• _ASSIGNED TASK_: Find out how many lines of the material contain the string "WallThickness" and give only that figure.

• _DATASET EXCERPTS_:
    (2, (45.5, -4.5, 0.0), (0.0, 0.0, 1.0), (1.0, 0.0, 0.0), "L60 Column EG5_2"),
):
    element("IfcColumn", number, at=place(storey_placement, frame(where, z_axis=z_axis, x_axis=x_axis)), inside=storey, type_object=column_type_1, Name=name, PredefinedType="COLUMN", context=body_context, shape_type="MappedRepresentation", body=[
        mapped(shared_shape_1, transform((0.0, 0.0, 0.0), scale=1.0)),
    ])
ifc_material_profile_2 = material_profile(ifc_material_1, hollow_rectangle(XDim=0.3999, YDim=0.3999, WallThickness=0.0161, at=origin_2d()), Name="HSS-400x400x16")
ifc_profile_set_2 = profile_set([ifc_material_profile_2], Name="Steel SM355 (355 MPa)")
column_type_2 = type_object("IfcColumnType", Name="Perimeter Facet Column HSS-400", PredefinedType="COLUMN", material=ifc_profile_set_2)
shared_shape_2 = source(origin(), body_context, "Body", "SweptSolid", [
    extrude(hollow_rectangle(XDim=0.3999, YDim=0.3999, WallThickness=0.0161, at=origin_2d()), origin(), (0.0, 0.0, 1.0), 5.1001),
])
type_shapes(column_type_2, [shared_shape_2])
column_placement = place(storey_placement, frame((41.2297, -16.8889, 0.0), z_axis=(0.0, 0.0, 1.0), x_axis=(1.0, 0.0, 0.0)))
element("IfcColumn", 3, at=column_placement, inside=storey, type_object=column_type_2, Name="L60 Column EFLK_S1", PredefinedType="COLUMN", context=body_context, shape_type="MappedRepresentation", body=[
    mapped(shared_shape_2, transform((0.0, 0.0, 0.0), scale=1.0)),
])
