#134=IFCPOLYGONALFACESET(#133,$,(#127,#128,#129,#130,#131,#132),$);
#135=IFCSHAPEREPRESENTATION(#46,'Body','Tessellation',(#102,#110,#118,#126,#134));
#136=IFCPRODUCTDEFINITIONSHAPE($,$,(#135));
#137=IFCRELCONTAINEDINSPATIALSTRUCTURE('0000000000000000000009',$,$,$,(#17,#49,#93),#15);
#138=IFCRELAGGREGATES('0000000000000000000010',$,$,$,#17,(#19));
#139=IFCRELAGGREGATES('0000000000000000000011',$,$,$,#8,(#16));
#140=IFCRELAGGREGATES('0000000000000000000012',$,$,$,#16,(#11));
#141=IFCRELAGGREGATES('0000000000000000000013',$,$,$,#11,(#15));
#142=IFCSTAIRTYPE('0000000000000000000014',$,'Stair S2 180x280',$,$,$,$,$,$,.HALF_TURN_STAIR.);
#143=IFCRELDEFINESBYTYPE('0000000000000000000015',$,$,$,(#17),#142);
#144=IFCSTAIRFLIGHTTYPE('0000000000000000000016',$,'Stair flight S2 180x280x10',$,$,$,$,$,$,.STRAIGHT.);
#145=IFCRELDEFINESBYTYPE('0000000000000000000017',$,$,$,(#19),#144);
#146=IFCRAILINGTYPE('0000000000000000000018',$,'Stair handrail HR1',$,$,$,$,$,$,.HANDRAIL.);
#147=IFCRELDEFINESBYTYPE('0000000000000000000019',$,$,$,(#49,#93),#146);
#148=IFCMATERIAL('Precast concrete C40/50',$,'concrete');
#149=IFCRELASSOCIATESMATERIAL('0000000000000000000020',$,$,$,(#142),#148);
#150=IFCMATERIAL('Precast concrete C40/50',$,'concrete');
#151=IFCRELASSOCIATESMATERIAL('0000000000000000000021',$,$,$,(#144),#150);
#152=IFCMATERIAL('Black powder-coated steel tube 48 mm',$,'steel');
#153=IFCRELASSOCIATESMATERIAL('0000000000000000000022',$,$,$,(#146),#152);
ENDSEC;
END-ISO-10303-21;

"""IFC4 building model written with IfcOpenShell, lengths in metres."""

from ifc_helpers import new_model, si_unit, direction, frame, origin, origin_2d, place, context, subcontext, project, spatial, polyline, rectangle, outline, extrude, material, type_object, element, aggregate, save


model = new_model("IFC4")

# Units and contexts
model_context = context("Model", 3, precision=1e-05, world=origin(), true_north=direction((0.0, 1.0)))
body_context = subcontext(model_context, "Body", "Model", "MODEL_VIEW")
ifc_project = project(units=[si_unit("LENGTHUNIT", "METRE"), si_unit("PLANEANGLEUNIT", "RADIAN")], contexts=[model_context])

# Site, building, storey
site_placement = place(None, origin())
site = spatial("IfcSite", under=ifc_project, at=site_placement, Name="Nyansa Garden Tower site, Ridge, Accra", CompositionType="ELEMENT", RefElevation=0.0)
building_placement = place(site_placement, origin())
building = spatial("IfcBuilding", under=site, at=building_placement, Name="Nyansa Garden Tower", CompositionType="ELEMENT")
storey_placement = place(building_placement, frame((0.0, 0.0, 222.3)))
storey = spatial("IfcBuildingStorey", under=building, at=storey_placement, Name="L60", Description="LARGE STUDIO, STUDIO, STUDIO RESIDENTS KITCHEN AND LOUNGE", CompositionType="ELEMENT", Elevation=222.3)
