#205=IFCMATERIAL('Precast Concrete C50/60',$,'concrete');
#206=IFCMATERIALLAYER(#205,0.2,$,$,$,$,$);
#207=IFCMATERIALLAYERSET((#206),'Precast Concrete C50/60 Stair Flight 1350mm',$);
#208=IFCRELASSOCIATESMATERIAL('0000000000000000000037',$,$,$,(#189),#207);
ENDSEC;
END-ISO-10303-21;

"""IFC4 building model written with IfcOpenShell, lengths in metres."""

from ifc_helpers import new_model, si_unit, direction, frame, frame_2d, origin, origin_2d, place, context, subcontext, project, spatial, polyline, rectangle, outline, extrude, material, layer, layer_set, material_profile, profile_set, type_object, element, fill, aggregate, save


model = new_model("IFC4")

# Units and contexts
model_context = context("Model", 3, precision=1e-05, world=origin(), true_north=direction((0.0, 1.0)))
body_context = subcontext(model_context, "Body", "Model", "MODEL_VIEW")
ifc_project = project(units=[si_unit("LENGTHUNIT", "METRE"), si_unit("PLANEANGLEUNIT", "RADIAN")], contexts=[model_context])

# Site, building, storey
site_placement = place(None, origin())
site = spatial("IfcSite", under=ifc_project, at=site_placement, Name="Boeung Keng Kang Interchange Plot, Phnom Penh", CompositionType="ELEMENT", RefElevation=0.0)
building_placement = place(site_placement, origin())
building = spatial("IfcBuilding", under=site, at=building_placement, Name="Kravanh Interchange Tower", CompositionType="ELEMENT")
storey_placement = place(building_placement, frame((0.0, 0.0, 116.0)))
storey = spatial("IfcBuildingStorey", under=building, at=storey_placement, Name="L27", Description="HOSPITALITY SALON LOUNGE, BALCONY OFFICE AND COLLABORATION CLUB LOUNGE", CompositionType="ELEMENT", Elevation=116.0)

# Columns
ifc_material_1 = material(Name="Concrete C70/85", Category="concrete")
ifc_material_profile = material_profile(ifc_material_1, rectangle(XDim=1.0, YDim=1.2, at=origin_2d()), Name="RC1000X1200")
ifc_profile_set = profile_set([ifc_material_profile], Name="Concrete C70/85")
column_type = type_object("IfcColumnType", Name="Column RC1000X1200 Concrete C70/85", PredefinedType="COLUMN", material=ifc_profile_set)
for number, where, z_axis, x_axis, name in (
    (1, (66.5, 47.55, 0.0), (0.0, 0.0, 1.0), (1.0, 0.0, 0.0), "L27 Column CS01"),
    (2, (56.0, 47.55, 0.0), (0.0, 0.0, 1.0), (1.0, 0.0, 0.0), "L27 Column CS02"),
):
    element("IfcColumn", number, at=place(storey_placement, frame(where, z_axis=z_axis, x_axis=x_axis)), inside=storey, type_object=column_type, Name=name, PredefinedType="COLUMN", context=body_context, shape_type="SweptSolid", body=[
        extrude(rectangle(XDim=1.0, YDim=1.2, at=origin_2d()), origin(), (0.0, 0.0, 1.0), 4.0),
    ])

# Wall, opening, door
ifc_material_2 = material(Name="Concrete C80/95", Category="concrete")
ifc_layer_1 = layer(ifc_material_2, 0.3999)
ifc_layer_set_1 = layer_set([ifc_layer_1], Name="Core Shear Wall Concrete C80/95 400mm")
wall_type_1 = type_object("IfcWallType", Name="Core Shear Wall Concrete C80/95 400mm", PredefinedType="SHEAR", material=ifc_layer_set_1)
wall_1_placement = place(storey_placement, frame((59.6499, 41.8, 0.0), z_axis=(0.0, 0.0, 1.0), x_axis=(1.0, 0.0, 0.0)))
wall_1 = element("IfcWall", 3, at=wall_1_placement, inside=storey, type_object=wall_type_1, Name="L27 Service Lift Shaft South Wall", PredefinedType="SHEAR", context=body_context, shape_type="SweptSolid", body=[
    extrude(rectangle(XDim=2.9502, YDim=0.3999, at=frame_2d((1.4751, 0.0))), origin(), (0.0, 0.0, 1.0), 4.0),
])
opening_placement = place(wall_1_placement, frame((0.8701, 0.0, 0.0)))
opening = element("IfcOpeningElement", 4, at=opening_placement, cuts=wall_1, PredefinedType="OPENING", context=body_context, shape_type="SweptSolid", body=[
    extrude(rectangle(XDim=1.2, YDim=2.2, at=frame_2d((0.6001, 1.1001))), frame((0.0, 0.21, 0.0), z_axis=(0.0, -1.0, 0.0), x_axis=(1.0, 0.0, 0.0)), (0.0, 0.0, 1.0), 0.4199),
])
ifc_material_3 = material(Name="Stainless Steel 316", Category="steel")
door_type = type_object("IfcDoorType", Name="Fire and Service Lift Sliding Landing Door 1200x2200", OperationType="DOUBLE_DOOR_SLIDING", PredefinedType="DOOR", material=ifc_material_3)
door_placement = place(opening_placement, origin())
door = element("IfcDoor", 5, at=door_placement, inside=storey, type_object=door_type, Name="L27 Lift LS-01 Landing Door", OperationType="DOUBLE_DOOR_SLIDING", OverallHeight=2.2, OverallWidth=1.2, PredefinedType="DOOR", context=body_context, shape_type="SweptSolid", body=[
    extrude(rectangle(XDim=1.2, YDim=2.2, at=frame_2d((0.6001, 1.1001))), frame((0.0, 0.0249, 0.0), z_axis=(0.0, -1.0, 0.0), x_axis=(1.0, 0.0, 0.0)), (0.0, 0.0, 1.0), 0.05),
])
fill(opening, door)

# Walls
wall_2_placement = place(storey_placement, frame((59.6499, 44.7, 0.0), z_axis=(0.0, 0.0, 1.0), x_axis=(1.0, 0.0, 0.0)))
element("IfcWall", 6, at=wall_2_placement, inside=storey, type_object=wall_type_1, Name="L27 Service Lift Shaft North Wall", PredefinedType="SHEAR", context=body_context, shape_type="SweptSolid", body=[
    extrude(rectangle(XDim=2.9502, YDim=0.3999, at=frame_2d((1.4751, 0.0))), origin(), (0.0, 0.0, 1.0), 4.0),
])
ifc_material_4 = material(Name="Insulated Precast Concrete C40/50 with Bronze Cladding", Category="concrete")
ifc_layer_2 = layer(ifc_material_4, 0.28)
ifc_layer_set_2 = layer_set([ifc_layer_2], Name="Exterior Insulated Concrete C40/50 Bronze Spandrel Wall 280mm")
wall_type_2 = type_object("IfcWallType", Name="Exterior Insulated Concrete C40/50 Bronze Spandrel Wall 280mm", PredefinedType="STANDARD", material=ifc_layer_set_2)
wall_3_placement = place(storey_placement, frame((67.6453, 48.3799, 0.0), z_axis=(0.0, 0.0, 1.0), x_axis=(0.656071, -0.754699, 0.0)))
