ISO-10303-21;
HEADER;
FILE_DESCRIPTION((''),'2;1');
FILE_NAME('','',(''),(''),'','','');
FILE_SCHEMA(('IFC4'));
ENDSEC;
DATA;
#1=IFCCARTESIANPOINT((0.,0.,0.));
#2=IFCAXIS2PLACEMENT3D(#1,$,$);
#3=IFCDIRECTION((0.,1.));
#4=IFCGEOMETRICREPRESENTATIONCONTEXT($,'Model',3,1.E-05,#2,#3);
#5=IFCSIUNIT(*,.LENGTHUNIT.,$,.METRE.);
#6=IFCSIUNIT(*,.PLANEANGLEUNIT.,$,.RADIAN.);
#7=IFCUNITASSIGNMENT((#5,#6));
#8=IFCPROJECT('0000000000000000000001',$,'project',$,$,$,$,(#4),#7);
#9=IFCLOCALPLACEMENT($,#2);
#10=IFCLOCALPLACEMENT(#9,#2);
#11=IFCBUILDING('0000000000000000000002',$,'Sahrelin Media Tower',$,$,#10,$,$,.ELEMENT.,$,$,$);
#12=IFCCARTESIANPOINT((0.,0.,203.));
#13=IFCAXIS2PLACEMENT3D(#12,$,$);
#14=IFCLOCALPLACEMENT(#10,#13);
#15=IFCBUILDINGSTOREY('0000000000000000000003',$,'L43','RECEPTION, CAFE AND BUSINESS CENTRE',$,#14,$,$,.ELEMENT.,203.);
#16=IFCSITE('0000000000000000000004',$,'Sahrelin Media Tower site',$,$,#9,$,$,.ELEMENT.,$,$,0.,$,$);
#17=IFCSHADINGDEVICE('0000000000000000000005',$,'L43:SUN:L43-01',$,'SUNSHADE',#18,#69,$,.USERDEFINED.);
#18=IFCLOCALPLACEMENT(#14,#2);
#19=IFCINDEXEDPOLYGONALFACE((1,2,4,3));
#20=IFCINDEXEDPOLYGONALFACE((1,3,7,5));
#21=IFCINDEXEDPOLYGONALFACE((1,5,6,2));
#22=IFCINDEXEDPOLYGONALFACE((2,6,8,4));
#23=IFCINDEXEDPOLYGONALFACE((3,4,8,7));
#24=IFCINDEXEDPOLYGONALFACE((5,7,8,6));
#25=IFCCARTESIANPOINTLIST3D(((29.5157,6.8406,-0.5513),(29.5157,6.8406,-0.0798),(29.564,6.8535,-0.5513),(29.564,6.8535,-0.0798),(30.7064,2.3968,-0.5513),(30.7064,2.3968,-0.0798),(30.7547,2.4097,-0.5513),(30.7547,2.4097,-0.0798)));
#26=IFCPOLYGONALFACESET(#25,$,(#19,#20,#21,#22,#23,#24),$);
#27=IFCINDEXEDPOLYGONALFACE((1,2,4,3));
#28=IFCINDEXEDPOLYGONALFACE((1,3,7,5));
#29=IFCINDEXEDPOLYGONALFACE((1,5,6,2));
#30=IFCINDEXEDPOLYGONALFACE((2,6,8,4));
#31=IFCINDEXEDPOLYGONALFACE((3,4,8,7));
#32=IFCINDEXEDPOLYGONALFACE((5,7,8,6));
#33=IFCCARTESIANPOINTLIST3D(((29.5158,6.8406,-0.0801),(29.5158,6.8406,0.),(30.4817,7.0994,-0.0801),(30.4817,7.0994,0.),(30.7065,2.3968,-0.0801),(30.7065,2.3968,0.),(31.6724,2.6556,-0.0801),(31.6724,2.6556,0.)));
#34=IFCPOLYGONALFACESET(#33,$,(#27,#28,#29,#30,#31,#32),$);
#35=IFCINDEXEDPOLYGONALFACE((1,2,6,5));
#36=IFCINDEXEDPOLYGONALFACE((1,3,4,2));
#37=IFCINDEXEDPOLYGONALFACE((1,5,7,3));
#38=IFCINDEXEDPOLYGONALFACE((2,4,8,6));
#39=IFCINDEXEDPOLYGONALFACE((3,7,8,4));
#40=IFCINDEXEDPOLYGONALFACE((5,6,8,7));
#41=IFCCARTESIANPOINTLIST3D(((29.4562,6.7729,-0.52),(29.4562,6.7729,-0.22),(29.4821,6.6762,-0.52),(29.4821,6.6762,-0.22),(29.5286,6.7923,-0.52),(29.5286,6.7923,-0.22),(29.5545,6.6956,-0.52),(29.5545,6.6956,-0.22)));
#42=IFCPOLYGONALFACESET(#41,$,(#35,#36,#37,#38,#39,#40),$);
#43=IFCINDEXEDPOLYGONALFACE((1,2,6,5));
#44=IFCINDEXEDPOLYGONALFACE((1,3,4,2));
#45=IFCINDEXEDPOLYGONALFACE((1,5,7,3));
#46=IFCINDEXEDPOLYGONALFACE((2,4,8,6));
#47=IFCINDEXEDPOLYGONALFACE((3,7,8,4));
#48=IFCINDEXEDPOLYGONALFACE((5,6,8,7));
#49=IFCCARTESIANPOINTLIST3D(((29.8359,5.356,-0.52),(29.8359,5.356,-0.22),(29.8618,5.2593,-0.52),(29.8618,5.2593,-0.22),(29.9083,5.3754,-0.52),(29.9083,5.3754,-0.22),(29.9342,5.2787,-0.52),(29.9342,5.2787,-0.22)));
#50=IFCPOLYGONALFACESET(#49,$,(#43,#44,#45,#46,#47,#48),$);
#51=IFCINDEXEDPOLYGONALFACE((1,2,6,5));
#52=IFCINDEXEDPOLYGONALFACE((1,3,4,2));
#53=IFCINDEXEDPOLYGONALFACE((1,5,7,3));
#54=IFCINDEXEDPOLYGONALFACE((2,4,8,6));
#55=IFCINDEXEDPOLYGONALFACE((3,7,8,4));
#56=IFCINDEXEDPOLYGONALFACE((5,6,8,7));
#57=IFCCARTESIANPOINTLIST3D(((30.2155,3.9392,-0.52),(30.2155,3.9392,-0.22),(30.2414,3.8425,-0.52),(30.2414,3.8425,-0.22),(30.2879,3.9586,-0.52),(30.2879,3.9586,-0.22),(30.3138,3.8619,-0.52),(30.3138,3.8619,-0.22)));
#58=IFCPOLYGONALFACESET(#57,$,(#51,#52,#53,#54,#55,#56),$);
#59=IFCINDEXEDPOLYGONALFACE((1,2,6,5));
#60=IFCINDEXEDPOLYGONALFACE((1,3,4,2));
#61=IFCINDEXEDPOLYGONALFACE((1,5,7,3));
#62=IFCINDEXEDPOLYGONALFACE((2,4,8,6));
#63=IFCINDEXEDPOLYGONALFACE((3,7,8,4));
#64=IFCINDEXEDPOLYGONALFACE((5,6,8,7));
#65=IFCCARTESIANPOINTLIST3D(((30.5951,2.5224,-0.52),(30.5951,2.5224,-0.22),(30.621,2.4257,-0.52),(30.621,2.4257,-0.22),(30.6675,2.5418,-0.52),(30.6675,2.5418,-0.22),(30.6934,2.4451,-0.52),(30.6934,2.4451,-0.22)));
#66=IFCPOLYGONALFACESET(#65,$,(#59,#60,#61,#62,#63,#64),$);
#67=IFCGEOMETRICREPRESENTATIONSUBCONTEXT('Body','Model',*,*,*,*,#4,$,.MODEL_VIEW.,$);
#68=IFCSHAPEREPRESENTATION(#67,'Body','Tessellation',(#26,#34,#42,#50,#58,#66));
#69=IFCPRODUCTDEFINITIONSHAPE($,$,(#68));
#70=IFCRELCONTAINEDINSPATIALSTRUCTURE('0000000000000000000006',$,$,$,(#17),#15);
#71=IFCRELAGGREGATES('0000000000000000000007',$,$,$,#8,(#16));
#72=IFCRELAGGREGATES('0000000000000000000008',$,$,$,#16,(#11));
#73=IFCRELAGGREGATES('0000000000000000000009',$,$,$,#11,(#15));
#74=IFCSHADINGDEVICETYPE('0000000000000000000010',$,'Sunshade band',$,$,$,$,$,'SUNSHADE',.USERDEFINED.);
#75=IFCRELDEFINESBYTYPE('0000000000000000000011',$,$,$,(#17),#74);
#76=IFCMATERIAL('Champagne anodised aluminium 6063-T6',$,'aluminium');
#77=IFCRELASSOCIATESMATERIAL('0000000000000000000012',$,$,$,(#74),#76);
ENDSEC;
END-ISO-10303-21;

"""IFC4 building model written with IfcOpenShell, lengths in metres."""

from ifc_helpers import new_model, si_unit, direction, frame, origin, origin_2d, place, context, subcontext, project, spatial, rectangle, extrude, material, type_object, element, save


model = new_model("IFC4")

# Units and contexts
model_context = context("Model", 3, precision=1e-05, world=origin(), true_north=direction((0.0, 1.0)))
body_context = subcontext(model_context, "Body", "Model", "MODEL_VIEW")
ifc_project = project(units=[si_unit("LENGTHUNIT", "METRE"), si_unit("PLANEANGLEUNIT", "RADIAN")], contexts=[model_context])

# Site, building, storey
site_placement = place(None, origin())
site = spatial("IfcSite", under=ifc_project, at=site_placement, Name="Sahrelin Media Tower site", CompositionType="ELEMENT", RefElevation=0.0)
building_placement = place(site_placement, origin())
building = spatial("IfcBuilding", under=site, at=building_placement, Name="Sahrelin Media Tower", CompositionType="ELEMENT")
storey_placement = place(building_placement, frame((0.0, 0.0, 203.0)))
storey = spatial("IfcBuildingStorey", under=building, at=storey_placement, Name="L43", Description="RECEPTION, CAFE AND BUSINESS CENTRE", CompositionType="ELEMENT", Elevation=203.0)

# Shared definitions
ifc_material_1 = material(Name="Champagne anodised aluminium 6063-T6", Category="aluminium")

# Shading device
placement_1 = place(storey_placement, frame((30.0918, 4.6135, 0.0), z_axis=(0.0, 0.0, 1.0), x_axis=(0.258808, -0.965929, 0.0)))
shading_device_type_1 = type_object("IfcShadingDeviceType", Name="Sunshade band", ElementType="SUNSHADE", PredefinedType="USERDEFINED", material=ifc_material_1)
element("IfcShadingDevice", 1, at=placement_1, inside=storey, type_object=shading_device_type_1, Name="L43:SUN:L43-01", ObjectType="SUNSHADE", PredefinedType="USERDEFINED", context=body_context, shape_type="SweptSolid", body=[
    extrude(rectangle(XDim=4.6006, YDim=0.05, at=origin_2d()), frame((0.0, 0.0449, -0.5513)), (0.0, 0.0, 1.0), 0.4714),
    extrude(rectangle(XDim=4.6006, YDim=1.0, at=origin_2d()), frame((0.0, 0.52, -0.0801)), (0.0, 0.0, 1.0), 0.0801),
    extrude(rectangle(XDim=0.1001, YDim=0.075, at=origin_2d()), frame((-2.2002, -0.0176, -0.52)), (0.0, 0.0, 1.0), 0.3),
    extrude(rectangle(XDim=0.1001, YDim=0.075, at=origin_2d()), frame((-0.7334, -0.0176, -0.52)), (0.0, 0.0, 1.0), 0.3),
    extrude(rectangle(XDim=0.1001, YDim=0.075, at=origin_2d()), frame((0.7334, -0.0176, -0.52)), (0.0, 0.0, 1.0), 0.3),
    extrude(rectangle(XDim=0.1001, YDim=0.075, at=origin_2d()), frame((2.2002, -0.0176, -0.52)), (0.0, 0.0, 1.0), 0.3),
])

save(model, "model.ifc")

• _EXERCISE SOLUTION_: 2